**EXERCISE DIRECTIONS:** Starting at the line with "#153=IFCINDEXEDPOLYGONALFACE((3,4,8,7));" and going on through the line with "#165=IFCINDEXEDPOLYGONALFACE((27,28,32,31));", reproduce each line in the records below exactly and nothing more.
SOURCE MATERIAL: Begin
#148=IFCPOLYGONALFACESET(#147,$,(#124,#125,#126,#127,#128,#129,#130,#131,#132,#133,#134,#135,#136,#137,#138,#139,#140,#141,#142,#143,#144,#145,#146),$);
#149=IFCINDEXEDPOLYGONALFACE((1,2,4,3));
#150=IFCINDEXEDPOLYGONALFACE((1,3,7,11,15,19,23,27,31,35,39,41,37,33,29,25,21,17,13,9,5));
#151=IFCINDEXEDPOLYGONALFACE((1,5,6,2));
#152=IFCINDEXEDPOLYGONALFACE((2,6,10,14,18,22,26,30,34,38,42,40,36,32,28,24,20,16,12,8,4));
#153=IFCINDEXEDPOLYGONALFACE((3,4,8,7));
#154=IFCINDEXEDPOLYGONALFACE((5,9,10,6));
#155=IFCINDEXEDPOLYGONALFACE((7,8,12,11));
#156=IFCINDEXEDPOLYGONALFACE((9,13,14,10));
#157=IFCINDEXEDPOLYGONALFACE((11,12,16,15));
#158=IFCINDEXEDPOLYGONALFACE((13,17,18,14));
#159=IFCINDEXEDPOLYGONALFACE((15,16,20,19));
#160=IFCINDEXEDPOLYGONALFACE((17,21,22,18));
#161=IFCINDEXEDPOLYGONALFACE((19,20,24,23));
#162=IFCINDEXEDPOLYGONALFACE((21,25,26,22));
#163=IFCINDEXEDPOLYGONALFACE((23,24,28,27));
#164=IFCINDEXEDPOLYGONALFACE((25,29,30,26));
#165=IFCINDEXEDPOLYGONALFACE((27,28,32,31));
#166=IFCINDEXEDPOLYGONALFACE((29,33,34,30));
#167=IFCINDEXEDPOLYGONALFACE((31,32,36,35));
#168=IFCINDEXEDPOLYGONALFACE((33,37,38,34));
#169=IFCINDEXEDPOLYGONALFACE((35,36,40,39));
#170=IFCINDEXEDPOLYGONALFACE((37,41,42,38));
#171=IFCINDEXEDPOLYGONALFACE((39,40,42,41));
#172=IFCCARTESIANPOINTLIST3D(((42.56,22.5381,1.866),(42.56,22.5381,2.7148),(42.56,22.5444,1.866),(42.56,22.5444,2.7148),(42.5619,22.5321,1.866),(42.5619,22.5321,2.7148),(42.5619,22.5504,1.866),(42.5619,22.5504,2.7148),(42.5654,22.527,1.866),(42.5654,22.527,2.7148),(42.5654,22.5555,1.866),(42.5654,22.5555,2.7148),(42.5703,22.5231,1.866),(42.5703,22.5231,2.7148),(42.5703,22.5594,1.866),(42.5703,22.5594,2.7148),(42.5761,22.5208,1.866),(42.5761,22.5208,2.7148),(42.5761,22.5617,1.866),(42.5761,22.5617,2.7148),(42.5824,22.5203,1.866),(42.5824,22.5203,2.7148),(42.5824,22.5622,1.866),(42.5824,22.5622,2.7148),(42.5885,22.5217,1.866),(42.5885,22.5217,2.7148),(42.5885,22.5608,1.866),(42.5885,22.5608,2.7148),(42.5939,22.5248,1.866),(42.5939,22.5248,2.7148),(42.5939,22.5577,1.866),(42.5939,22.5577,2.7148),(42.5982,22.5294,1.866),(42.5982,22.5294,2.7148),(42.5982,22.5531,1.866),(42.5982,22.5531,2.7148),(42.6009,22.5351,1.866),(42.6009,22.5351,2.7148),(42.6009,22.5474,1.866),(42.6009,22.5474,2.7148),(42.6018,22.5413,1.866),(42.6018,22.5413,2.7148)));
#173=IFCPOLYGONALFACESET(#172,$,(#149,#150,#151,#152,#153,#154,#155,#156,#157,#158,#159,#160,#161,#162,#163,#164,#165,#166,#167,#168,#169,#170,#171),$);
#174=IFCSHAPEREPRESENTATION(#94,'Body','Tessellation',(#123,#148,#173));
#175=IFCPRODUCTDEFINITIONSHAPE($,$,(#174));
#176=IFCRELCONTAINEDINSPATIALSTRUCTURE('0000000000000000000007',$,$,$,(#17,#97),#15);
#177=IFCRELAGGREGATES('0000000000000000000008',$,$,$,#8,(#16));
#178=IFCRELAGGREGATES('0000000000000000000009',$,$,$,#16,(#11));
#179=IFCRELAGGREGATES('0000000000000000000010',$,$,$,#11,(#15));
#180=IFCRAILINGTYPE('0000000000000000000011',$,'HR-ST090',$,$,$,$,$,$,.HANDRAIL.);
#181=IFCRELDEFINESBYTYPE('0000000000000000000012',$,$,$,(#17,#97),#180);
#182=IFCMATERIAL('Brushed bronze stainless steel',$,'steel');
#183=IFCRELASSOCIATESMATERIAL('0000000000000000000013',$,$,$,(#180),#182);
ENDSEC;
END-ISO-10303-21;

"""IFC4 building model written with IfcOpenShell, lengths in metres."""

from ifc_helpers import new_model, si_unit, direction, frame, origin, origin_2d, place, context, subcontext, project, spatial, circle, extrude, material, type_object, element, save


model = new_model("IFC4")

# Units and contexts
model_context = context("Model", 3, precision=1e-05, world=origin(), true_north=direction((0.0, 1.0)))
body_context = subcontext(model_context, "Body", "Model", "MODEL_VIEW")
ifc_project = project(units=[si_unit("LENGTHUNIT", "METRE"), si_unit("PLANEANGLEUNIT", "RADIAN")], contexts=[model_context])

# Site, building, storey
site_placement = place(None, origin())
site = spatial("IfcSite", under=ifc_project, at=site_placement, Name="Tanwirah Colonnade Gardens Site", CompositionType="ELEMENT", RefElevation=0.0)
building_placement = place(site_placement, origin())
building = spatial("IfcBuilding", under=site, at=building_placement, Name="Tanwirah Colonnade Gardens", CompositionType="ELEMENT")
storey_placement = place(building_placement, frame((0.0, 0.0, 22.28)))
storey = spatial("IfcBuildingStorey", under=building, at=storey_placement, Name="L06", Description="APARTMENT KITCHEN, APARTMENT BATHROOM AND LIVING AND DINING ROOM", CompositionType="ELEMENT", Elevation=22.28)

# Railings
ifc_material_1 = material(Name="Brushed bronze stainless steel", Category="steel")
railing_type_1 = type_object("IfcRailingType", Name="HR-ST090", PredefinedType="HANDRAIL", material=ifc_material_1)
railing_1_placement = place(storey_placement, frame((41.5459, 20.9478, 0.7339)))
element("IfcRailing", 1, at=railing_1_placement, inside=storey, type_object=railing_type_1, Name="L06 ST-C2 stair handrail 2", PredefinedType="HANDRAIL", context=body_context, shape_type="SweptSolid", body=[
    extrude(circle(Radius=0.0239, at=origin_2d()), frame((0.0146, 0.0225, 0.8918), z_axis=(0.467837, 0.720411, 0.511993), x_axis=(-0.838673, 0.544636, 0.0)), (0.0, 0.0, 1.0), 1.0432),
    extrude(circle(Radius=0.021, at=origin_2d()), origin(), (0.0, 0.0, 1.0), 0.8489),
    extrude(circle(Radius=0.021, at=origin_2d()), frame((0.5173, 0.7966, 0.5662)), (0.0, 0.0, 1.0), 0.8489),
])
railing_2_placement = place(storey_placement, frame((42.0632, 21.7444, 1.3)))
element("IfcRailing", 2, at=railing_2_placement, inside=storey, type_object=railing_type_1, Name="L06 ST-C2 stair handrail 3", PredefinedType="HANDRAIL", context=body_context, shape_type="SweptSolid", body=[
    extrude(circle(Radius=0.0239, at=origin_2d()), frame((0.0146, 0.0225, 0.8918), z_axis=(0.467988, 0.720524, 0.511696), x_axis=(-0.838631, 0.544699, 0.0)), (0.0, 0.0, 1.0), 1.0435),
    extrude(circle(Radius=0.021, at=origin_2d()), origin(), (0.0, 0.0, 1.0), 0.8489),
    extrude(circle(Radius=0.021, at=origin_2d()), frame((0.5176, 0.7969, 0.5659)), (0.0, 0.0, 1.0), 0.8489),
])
SOURCE MATERIAL: End
**OUTPUT FOR THIS EXERCISE:**
#153=IFCINDEXEDPOLYGONALFACE((3,4,8,7));
#154=IFCINDEXEDPOLYGONALFACE((5,9,10,6));
#155=IFCINDEXEDPOLYGONALFACE((7,8,12,11));
#156=IFCINDEXEDPOLYGONALFACE((9,13,14,10));
#157=IFCINDEXEDPOLYGONALFACE((11,12,16,15));
#158=IFCINDEXEDPOLYGONALFACE((13,17,18,14));
#159=IFCINDEXEDPOLYGONALFACE((15,16,20,19));
#160=IFCINDEXEDPOLYGONALFACE((17,21,22,18));
#161=IFCINDEXEDPOLYGONALFACE((19,20,24,23));
#162=IFCINDEXEDPOLYGONALFACE((21,25,26,22));
#163=IFCINDEXEDPOLYGONALFACE((23,24,28,27));
#164=IFCINDEXEDPOLYGONALFACE((25,29,30,26));
#165=IFCINDEXEDPOLYGONALFACE((27,28,32,31));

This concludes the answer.